- [DIRECTIONS] The number of lines holding the string "IFCLOCALPLACEMENT" is all that is wanted; count them in the records below.
■ ■ ■ ■ ■
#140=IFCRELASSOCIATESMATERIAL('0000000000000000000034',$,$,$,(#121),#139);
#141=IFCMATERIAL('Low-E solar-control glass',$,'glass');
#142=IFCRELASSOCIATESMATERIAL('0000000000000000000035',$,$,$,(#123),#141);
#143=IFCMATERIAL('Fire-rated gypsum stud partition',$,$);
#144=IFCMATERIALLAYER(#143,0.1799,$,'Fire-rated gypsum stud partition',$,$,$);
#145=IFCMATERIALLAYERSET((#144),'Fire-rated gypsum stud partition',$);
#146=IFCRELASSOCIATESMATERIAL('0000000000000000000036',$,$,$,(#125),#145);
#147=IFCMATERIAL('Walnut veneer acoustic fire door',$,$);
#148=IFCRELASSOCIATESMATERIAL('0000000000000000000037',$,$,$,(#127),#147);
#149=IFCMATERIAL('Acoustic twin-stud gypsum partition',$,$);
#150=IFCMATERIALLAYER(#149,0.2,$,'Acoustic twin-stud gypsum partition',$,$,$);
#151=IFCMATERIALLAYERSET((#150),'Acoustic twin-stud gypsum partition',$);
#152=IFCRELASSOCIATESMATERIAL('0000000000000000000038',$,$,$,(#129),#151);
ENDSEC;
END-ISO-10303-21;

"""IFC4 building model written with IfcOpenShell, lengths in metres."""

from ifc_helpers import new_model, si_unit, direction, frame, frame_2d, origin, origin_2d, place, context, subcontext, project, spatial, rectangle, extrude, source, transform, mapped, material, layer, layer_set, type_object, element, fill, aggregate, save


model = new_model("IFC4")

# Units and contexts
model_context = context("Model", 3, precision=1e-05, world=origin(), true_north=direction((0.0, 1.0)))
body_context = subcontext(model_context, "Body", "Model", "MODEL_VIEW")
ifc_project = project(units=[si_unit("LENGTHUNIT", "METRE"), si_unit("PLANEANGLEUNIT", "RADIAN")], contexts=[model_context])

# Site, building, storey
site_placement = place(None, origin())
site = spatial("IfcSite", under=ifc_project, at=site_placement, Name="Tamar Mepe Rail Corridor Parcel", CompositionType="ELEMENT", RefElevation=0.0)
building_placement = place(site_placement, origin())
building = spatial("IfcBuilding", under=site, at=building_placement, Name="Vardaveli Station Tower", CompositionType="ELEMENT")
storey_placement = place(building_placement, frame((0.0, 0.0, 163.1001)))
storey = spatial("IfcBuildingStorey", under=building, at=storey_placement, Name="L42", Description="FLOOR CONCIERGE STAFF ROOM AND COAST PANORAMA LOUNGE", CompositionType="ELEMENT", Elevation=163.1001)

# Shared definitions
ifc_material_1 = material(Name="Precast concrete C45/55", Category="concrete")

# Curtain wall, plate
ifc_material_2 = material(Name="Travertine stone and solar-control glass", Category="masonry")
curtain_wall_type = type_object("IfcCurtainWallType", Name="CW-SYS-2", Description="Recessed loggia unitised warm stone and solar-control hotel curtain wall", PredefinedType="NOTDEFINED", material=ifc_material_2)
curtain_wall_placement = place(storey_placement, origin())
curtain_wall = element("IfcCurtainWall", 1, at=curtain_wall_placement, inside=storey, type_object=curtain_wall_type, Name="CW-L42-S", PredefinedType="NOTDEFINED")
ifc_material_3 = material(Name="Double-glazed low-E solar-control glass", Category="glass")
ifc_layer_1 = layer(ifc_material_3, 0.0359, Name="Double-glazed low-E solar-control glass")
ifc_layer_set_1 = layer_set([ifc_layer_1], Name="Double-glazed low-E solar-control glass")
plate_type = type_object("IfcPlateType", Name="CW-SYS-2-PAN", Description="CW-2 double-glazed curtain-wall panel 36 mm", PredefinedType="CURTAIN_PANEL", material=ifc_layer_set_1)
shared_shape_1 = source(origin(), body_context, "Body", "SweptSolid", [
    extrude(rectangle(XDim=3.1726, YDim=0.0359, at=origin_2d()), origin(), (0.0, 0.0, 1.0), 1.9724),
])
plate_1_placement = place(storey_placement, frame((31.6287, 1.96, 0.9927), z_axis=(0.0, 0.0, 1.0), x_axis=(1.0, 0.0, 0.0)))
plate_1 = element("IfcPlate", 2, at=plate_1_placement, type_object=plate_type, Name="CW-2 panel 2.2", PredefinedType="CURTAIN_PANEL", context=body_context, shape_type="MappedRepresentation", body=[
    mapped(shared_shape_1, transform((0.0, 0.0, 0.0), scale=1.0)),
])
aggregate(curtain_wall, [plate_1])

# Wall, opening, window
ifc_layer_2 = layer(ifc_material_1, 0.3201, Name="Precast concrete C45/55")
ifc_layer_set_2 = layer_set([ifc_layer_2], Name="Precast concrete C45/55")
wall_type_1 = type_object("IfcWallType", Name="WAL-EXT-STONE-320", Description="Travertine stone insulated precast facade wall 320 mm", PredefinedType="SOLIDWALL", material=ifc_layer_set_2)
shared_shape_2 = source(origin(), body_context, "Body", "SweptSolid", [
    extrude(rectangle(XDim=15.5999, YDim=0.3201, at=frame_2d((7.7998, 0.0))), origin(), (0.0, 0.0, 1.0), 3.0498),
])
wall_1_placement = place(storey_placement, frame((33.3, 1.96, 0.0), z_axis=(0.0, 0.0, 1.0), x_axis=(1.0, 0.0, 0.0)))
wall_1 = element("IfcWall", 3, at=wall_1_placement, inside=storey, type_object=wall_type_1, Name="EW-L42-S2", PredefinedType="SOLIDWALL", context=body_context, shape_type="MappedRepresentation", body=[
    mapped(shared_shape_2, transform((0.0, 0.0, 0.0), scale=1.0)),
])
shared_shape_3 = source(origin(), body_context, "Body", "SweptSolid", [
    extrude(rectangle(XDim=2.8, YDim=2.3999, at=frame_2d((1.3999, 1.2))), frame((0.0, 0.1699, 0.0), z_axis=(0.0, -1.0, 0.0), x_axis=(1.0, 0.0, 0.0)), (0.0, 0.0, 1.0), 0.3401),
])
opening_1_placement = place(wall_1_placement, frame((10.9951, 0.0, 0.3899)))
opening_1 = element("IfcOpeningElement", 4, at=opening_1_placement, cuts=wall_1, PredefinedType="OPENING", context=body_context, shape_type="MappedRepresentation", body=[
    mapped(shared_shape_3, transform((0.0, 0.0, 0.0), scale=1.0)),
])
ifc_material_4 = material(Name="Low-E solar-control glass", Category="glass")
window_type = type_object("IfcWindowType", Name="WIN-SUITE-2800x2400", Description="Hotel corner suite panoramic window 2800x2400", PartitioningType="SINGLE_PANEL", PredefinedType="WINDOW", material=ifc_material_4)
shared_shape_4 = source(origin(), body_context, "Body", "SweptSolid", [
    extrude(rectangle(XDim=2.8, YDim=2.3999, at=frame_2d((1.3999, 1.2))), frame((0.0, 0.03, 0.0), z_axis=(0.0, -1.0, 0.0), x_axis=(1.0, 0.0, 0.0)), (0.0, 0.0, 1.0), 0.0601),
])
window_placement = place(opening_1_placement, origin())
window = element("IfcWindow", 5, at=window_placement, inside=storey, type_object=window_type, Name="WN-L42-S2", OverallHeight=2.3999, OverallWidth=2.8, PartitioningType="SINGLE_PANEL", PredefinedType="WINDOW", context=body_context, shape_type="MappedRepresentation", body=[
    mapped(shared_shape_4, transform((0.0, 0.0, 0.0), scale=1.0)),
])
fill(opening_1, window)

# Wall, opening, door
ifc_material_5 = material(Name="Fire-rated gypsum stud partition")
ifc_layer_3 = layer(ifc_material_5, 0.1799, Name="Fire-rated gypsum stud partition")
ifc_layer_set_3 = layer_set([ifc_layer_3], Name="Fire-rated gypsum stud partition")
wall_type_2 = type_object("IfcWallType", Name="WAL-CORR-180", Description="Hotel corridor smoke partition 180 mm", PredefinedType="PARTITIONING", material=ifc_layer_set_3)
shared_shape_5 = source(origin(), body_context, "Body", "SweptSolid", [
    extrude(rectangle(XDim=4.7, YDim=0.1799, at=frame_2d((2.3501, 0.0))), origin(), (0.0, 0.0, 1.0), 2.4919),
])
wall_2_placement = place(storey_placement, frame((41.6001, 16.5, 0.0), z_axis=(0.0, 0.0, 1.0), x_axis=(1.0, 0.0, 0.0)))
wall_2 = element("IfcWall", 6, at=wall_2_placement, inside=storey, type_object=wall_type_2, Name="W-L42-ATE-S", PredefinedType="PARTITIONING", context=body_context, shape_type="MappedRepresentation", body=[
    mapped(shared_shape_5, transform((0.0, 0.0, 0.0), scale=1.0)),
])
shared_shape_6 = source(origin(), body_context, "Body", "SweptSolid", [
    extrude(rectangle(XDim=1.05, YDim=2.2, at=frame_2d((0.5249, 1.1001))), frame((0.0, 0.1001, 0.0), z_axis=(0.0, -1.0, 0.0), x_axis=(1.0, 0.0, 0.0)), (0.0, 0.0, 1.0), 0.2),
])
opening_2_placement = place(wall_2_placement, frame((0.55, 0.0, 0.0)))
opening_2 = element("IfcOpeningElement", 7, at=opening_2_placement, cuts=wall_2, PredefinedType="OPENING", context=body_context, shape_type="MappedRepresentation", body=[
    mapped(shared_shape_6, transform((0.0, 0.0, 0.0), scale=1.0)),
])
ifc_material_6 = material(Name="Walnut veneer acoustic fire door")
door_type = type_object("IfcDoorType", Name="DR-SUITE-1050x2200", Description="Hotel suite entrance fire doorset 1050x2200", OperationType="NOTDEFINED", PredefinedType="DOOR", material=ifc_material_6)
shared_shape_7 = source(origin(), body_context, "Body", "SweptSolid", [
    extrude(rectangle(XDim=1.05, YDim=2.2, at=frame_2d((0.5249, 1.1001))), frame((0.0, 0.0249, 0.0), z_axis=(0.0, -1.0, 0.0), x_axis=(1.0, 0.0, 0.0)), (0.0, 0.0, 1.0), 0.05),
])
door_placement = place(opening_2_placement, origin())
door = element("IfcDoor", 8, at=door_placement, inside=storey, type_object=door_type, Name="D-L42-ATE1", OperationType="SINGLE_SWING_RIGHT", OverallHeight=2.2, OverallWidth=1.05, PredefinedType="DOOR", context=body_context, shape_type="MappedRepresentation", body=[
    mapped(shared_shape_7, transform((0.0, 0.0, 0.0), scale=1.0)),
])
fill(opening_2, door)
■ ■ ■ ■ ■
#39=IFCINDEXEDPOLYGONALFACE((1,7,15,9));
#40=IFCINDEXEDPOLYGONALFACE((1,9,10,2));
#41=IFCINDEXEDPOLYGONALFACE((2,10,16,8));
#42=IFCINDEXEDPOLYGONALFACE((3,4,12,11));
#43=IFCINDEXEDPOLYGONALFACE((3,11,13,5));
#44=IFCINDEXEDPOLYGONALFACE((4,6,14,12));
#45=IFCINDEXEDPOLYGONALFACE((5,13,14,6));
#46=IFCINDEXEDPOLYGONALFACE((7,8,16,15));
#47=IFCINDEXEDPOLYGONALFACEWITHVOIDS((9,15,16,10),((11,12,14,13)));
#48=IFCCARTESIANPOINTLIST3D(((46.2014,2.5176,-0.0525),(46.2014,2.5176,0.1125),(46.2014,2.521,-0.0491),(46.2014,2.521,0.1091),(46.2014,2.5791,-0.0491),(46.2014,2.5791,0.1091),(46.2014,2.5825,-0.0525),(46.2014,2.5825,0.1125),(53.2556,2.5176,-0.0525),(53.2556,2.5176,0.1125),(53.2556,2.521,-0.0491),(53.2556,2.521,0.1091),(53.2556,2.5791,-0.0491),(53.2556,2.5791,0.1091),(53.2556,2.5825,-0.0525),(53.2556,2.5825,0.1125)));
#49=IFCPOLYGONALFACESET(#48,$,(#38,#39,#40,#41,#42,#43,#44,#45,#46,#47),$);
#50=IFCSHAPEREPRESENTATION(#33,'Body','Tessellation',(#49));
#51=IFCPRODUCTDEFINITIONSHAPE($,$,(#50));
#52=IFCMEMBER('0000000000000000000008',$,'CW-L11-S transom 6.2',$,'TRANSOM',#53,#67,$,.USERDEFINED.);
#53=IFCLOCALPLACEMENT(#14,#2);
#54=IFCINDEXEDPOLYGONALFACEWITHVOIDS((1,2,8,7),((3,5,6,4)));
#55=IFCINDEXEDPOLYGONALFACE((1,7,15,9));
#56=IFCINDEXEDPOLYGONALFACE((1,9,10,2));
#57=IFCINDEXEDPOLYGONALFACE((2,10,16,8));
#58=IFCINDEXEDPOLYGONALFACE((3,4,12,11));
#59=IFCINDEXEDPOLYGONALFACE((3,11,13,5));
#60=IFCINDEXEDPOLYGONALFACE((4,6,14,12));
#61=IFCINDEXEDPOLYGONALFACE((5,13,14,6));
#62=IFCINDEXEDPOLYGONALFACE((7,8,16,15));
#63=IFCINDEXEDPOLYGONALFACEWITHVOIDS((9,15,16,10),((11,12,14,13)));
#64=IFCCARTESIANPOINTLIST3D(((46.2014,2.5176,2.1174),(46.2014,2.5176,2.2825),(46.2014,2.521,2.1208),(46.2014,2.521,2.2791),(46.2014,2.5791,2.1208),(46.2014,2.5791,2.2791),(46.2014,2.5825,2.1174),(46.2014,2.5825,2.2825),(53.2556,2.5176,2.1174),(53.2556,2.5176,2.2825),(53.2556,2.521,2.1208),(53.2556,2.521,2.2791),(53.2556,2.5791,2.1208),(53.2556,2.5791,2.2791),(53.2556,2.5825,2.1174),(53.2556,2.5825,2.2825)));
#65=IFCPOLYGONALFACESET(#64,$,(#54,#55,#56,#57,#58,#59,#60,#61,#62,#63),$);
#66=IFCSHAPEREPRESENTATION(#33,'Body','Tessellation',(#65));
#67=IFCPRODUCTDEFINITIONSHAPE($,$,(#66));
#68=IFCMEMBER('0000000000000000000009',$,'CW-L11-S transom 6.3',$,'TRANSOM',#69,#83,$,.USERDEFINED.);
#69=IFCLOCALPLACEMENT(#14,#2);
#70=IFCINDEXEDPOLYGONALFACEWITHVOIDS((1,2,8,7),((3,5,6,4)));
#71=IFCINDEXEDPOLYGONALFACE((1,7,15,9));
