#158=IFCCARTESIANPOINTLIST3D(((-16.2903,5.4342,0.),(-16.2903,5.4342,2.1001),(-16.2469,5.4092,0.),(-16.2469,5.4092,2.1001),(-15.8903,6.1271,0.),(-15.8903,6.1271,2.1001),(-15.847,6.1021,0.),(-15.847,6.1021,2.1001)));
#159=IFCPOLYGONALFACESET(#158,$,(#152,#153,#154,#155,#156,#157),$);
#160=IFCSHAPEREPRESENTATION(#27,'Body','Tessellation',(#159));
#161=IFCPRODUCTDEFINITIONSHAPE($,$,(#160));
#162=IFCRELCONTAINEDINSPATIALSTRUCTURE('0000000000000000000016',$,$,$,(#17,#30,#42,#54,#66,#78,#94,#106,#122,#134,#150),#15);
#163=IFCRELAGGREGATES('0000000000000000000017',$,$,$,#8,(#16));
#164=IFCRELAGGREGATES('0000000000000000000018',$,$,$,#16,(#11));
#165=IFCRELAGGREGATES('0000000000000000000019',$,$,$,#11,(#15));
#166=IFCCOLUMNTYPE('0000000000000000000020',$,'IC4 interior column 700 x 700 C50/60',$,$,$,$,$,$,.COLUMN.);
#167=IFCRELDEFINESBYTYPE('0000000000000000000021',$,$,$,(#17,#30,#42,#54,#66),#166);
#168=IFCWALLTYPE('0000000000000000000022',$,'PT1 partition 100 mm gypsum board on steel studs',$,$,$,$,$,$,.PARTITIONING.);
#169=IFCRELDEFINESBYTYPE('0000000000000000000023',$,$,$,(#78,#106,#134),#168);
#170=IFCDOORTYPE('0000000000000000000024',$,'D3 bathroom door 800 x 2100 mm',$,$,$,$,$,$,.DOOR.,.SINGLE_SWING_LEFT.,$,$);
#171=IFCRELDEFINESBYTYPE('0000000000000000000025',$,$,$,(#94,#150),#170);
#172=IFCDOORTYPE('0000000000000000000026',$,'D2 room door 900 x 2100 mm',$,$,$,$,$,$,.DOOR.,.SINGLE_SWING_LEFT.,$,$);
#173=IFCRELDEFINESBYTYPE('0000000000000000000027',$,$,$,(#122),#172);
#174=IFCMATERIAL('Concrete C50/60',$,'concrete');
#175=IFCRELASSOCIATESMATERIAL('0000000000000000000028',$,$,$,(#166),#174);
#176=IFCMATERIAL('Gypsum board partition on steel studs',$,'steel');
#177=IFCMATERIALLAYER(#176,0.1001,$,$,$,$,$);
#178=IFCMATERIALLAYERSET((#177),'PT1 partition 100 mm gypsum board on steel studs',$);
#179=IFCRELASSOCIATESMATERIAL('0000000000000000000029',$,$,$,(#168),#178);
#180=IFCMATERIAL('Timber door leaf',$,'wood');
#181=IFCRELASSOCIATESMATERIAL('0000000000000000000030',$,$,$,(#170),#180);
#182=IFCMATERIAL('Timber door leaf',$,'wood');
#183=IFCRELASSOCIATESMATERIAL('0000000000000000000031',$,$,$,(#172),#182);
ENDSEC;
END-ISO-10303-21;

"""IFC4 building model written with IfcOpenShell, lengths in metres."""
■ ■ ■ ■ ■
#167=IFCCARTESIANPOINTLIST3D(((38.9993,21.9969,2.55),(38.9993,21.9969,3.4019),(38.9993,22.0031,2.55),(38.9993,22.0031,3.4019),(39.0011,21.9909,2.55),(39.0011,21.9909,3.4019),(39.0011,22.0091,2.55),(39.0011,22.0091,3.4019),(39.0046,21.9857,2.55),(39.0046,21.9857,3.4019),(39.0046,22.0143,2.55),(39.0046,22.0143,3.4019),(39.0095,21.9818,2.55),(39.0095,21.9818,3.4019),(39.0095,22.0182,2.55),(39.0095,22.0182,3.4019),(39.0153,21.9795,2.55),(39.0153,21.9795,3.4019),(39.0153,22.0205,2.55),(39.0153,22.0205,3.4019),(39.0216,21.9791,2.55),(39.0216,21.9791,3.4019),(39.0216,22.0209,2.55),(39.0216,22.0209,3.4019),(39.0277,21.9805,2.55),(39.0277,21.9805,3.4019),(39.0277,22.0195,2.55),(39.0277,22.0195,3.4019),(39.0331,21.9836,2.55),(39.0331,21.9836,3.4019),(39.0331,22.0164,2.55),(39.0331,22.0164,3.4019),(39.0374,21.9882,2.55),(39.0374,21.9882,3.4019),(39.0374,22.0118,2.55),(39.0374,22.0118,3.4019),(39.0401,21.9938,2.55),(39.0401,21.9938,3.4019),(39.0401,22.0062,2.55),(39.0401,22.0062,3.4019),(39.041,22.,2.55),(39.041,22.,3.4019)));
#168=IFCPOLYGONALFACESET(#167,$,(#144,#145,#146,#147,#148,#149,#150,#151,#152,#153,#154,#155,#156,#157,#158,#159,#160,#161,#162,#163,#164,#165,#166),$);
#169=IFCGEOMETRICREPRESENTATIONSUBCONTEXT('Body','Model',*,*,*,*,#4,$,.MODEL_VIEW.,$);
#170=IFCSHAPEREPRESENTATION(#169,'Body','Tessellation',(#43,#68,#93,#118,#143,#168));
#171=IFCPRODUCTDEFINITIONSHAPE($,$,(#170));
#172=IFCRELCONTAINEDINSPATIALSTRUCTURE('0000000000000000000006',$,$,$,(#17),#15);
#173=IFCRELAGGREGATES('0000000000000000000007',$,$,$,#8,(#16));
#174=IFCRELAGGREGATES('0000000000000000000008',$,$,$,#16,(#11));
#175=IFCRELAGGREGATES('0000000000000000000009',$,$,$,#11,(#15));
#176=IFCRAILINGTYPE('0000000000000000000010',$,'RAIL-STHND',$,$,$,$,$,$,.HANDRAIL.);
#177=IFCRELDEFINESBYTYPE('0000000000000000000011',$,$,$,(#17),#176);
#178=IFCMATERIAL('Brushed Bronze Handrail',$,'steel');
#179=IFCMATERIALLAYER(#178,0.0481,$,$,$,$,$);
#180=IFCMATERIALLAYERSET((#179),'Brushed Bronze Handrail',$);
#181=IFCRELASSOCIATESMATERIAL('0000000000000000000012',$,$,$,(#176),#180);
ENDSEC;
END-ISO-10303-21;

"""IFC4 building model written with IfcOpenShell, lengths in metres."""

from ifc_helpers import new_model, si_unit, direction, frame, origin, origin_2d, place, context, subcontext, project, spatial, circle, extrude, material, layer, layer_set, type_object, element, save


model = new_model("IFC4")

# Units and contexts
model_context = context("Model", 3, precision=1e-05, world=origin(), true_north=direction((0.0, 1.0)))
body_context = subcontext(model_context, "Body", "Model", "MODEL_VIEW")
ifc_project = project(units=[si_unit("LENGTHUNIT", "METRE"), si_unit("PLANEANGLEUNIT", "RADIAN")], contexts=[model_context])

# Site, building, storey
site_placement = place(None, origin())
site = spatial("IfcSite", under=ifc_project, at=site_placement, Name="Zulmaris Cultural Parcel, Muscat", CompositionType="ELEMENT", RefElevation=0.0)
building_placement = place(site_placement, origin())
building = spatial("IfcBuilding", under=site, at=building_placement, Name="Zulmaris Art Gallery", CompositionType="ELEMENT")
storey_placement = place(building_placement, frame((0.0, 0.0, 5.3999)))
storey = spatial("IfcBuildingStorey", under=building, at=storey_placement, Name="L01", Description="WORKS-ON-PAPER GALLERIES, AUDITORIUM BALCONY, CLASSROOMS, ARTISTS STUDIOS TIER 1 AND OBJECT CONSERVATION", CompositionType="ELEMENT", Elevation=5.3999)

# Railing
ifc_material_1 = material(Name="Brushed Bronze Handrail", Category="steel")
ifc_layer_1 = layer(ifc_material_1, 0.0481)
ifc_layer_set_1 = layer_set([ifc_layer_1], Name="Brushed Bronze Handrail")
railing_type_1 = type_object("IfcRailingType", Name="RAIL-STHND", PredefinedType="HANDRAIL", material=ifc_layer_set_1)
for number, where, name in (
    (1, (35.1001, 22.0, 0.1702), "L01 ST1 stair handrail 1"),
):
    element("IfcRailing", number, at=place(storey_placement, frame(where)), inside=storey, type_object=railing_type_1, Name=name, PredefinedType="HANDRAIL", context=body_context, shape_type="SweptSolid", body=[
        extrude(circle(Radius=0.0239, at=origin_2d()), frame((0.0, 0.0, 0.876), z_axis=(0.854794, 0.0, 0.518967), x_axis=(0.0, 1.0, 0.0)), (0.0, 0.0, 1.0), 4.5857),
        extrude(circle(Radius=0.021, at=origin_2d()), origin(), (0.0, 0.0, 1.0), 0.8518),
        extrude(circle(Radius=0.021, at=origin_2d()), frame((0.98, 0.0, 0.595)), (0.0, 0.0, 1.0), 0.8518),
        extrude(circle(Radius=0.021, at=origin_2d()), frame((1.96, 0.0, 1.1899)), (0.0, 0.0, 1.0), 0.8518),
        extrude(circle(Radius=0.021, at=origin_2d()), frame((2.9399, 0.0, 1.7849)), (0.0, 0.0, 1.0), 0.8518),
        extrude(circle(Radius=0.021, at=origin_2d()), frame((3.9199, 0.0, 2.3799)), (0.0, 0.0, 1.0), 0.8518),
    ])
■ ■ ■ ■ ■
- [RESPONSE] 2